EXERCISE DETAILS: Produce word for word the lines of the data below running from the one that has "#125=IFCINDEXEDPOLYGONALFACE((5,7,8,6));" to the one that has "#129=IFCPRODUCTDEFINITIONSHAPE($,$,(#128));", inclusive, and no others.

_ _ _

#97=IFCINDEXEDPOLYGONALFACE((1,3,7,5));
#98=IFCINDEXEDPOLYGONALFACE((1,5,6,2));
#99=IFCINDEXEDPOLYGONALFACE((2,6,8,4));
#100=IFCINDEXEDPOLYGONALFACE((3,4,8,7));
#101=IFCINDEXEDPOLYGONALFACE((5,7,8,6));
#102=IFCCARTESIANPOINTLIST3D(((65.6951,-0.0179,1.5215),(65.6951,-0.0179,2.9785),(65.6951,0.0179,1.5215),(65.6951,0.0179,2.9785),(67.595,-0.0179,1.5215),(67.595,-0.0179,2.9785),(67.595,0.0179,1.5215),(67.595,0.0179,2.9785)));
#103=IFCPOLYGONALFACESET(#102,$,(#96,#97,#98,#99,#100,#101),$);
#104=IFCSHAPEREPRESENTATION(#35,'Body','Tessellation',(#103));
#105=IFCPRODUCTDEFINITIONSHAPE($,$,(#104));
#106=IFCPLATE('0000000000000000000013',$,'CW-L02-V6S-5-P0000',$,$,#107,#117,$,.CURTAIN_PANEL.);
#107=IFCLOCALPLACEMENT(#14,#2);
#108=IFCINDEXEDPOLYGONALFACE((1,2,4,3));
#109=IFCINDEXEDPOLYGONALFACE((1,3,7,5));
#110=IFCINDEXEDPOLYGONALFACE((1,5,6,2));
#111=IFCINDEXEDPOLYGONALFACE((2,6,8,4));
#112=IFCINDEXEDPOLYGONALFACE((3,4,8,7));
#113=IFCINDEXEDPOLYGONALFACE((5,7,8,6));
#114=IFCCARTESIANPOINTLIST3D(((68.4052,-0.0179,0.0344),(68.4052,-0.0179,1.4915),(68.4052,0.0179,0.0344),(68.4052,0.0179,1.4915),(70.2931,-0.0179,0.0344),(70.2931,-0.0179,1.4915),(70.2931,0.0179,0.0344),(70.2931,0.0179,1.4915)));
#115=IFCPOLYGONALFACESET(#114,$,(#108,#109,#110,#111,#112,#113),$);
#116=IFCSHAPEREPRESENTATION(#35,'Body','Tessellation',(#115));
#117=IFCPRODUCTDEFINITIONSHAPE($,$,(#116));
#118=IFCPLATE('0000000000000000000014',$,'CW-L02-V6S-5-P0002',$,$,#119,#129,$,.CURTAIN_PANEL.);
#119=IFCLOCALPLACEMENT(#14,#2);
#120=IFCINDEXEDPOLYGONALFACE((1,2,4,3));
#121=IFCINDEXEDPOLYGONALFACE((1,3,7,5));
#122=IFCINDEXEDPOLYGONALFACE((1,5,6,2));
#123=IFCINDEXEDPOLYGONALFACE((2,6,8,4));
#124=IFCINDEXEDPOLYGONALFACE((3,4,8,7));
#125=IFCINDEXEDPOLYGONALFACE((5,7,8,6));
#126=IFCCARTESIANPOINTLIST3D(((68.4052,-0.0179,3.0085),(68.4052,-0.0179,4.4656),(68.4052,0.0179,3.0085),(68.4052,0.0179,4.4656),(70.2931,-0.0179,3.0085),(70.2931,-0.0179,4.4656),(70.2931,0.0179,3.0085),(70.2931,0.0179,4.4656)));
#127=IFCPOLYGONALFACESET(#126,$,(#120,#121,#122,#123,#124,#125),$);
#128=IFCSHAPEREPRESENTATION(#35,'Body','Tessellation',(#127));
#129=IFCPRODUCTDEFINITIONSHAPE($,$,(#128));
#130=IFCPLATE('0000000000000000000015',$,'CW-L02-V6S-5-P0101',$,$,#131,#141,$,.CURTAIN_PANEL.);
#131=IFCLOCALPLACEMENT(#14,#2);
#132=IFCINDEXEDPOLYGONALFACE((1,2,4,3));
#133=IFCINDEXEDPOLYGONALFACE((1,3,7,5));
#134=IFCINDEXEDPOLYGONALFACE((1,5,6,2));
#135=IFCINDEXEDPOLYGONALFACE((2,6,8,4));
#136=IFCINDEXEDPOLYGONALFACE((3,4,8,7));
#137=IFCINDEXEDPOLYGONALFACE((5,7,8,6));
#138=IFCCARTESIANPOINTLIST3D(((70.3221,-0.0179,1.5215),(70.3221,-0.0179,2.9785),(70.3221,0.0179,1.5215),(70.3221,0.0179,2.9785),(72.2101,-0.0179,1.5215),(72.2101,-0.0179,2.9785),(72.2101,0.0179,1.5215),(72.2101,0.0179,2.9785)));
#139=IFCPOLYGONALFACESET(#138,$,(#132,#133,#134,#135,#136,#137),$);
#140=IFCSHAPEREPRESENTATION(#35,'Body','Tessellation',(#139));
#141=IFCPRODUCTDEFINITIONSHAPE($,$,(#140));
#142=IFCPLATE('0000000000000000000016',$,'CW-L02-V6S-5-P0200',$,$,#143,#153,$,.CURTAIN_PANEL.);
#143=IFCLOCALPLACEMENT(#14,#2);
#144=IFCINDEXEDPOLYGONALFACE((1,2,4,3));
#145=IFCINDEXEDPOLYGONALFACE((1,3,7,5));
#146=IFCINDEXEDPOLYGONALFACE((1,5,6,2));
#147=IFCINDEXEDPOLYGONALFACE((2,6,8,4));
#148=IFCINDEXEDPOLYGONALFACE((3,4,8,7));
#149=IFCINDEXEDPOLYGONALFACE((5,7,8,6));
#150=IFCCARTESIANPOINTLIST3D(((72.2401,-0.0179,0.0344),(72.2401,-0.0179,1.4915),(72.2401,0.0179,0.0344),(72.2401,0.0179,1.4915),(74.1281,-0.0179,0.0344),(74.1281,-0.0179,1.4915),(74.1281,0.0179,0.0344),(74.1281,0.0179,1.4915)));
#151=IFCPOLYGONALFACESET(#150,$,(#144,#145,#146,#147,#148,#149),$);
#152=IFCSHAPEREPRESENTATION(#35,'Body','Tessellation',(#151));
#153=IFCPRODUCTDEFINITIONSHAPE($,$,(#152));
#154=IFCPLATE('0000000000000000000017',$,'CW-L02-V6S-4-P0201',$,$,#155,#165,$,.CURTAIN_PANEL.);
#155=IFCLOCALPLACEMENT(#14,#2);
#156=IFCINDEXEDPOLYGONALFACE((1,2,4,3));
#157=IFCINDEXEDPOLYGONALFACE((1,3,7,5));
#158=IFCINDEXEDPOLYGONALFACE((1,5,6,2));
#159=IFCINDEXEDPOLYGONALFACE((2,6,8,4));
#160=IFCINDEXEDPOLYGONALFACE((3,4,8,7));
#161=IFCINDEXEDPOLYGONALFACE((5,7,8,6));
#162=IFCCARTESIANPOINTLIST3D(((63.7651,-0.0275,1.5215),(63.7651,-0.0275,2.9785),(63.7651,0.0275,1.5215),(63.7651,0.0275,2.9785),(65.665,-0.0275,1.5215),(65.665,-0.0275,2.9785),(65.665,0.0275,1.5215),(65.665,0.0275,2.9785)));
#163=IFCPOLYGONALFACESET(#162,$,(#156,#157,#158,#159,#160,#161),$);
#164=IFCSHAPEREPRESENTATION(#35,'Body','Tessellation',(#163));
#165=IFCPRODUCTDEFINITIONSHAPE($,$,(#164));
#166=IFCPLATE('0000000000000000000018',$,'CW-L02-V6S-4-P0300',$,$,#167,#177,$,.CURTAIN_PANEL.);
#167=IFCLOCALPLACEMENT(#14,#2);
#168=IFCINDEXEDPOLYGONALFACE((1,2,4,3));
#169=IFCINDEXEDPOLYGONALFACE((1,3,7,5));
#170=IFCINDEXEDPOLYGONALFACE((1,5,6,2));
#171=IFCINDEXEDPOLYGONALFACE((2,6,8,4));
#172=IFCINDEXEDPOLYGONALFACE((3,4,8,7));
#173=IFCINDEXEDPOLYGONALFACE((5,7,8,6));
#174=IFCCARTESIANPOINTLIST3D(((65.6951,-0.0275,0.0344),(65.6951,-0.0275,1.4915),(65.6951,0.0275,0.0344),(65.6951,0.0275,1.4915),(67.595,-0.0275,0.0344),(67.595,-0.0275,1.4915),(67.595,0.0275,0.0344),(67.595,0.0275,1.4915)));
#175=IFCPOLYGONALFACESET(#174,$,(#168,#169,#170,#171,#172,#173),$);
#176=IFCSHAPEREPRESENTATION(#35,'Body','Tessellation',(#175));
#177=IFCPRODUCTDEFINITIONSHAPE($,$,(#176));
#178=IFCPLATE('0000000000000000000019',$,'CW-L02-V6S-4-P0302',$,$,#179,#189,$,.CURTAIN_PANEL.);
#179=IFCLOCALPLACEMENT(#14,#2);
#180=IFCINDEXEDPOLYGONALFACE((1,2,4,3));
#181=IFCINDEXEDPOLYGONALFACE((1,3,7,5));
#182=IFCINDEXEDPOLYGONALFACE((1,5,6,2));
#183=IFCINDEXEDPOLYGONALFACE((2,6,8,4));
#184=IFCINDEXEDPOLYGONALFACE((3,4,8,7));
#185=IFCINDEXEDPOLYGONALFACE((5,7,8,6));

_ _ _

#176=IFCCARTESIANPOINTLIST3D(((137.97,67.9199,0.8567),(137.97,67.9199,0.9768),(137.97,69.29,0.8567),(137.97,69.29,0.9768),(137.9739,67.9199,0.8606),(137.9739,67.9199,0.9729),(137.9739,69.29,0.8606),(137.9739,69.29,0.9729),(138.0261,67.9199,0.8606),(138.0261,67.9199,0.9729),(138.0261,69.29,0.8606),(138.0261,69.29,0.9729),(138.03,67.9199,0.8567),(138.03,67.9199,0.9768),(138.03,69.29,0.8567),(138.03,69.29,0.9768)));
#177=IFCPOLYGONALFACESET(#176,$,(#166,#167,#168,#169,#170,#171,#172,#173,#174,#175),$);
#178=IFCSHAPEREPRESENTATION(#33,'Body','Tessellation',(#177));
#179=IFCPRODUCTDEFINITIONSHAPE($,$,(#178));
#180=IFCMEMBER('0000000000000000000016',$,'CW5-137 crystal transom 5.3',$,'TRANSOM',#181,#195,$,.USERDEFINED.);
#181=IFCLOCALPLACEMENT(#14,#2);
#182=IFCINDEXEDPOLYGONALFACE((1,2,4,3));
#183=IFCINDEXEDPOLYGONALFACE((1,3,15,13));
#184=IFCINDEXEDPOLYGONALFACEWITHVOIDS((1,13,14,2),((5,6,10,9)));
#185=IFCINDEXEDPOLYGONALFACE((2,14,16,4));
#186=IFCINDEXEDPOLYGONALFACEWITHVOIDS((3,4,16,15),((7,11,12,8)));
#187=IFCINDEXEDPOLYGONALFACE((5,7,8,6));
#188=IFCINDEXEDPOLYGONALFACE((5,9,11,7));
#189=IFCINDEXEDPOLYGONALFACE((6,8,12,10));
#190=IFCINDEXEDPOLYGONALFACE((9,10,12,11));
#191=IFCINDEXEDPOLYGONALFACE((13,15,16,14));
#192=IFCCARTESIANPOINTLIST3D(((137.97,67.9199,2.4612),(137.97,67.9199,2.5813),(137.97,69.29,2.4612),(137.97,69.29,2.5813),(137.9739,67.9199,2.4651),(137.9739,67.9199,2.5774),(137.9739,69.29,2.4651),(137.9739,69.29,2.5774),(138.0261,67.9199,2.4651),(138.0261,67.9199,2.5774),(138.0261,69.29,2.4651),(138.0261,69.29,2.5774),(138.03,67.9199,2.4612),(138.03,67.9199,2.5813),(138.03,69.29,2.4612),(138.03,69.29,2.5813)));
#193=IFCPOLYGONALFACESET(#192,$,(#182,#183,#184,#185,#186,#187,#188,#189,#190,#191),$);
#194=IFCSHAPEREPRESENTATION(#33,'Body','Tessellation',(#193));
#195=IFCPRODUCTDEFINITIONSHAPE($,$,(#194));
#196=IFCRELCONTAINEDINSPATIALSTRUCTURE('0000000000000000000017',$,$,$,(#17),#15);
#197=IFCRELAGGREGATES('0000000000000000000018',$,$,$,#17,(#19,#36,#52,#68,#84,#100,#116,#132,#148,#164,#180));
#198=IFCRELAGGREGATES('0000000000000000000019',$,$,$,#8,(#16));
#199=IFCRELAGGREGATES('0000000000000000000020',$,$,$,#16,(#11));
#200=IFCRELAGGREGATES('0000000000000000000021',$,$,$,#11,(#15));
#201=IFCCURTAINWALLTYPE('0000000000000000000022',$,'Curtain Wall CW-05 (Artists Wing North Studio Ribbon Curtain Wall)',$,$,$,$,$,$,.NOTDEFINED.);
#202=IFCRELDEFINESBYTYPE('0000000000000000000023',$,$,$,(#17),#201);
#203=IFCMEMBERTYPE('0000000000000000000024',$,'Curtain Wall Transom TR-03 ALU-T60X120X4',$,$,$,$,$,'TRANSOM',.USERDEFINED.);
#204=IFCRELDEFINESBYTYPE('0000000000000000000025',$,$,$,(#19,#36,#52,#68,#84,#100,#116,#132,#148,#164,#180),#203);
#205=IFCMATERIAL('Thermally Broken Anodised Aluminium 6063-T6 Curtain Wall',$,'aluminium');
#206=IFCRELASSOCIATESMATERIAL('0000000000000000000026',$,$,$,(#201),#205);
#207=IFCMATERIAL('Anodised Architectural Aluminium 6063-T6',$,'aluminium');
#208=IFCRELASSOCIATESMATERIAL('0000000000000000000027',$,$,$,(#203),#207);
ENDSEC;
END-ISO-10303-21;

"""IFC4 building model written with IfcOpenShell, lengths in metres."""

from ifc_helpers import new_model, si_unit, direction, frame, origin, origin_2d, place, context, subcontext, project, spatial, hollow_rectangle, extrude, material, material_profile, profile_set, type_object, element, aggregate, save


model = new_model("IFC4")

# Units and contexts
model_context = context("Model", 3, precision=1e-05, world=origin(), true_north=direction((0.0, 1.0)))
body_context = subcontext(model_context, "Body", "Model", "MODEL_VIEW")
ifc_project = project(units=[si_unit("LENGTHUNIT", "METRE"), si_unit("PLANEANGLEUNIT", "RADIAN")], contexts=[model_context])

_ _ _

COMPLETED EXERCISE:
#125=IFCINDEXEDPOLYGONALFACE((5,7,8,6));
#126=IFCCARTESIANPOINTLIST3D(((68.4052,-0.0179,3.0085),(68.4052,-0.0179,4.4656),(68.4052,0.0179,3.0085),(68.4052,0.0179,4.4656),(70.2931,-0.0179,3.0085),(70.2931,-0.0179,4.4656),(70.2931,0.0179,3.0085),(70.2931,0.0179,4.4656)));
#127=IFCPOLYGONALFACESET(#126,$,(#120,#121,#122,#123,#124,#125),$);
#128=IFCSHAPEREPRESENTATION(#35,'Body','Tessellation',(#127));
#129=IFCPRODUCTDEFINITIONSHAPE($,$,(#128));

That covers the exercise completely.